----- Recorded data

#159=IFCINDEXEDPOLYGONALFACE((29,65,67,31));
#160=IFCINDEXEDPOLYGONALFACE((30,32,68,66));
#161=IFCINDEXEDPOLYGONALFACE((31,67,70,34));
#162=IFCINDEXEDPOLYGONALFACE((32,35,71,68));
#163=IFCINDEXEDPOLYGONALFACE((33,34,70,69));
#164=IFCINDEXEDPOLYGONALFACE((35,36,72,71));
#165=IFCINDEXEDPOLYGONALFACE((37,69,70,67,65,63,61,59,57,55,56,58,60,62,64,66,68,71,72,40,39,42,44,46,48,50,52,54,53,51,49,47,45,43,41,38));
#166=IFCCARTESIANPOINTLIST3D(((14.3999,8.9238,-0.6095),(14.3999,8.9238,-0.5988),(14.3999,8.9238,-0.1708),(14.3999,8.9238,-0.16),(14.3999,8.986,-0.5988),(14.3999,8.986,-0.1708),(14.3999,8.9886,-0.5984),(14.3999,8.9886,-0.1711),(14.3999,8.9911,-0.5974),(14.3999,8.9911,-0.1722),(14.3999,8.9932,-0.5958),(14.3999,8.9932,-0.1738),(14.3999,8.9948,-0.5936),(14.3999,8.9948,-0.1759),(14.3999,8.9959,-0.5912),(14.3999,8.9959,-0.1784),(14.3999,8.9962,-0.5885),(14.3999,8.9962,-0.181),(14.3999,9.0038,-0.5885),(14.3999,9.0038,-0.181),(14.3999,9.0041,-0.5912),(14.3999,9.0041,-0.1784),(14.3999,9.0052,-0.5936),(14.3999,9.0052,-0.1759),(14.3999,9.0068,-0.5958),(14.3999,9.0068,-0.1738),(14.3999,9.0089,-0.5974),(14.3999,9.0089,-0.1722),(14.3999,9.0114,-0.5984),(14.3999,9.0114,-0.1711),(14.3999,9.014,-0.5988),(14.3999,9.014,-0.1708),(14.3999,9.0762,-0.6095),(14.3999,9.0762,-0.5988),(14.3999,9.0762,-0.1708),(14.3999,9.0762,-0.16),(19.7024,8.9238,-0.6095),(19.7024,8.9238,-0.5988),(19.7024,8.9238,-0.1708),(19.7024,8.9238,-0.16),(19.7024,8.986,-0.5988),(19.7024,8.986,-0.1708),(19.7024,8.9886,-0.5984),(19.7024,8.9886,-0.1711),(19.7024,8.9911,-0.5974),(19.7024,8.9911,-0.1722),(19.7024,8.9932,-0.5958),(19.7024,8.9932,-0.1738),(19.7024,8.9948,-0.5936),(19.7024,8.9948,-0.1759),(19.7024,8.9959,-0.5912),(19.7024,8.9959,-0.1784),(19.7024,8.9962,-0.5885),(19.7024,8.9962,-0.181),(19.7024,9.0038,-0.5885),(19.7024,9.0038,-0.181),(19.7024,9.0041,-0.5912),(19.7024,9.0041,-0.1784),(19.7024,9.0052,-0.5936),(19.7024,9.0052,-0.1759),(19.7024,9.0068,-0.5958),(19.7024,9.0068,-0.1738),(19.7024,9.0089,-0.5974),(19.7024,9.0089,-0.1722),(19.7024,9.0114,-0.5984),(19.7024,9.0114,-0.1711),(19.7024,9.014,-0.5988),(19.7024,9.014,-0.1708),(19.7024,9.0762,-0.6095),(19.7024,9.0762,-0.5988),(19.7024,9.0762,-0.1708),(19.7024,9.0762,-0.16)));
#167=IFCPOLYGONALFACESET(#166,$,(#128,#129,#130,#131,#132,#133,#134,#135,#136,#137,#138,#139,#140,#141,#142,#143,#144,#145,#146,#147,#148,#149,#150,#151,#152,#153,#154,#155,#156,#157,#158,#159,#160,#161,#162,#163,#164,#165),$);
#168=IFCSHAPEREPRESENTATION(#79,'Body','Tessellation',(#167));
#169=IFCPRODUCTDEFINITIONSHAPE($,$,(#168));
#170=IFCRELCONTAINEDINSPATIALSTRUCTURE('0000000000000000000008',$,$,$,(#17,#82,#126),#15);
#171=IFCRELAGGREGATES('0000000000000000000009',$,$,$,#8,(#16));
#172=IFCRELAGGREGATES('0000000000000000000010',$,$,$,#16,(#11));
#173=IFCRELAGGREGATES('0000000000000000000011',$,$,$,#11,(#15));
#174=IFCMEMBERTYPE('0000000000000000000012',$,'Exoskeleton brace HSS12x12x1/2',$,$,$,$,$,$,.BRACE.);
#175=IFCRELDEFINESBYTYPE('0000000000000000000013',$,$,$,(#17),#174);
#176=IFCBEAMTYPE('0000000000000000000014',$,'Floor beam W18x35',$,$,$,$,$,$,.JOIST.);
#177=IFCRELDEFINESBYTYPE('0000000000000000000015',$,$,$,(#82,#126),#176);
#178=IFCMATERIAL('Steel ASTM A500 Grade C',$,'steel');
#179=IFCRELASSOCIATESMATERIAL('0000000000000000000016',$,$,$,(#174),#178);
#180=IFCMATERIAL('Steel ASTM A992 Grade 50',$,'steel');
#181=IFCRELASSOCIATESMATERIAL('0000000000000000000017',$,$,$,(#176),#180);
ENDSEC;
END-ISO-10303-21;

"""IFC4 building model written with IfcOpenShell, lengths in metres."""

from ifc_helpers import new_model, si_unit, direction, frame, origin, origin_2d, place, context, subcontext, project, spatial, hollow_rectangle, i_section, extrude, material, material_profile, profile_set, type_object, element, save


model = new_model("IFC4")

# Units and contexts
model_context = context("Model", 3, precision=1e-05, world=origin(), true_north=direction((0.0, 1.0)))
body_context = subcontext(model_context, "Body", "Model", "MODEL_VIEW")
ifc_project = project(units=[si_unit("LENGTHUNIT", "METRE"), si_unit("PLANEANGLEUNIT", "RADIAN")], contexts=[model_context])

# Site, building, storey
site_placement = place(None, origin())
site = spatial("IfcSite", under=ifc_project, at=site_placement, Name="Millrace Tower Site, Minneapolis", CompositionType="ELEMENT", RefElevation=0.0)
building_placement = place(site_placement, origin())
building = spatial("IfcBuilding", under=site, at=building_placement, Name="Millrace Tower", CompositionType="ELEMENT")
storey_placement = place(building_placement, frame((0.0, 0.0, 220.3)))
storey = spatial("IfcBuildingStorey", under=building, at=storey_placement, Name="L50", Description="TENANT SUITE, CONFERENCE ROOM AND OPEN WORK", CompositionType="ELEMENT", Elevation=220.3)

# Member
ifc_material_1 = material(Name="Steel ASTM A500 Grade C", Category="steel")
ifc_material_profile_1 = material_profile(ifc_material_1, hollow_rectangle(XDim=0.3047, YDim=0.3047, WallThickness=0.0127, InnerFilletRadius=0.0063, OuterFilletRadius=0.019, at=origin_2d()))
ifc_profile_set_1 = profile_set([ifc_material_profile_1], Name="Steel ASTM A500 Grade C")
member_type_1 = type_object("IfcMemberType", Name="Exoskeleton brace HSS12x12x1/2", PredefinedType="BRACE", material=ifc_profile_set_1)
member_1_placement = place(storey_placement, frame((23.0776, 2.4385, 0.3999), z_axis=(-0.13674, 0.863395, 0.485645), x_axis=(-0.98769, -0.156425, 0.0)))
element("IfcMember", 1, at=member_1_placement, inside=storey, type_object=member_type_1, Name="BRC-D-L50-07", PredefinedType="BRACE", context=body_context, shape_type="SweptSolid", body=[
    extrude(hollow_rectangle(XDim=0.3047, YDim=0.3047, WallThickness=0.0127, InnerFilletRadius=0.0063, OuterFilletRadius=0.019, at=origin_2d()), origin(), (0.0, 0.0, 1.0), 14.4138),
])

----------

* Activity
Beginning with the first line of the entries, repeat each line exactly until you have reproduced the one containing "#164=IFCINDEXEDPOLYGONALFACE((35,36,72,71));", and add nothing further.

* Reply
#159=IFCINDEXEDPOLYGONALFACE((29,65,67,31));
#160=IFCINDEXEDPOLYGONALFACE((30,32,68,66));
#161=IFCINDEXEDPOLYGONALFACE((31,67,70,34));
#162=IFCINDEXEDPOLYGONALFACE((32,35,71,68));
#163=IFCINDEXEDPOLYGONALFACE((33,34,70,69));
#164=IFCINDEXEDPOLYGONALFACE((35,36,72,71));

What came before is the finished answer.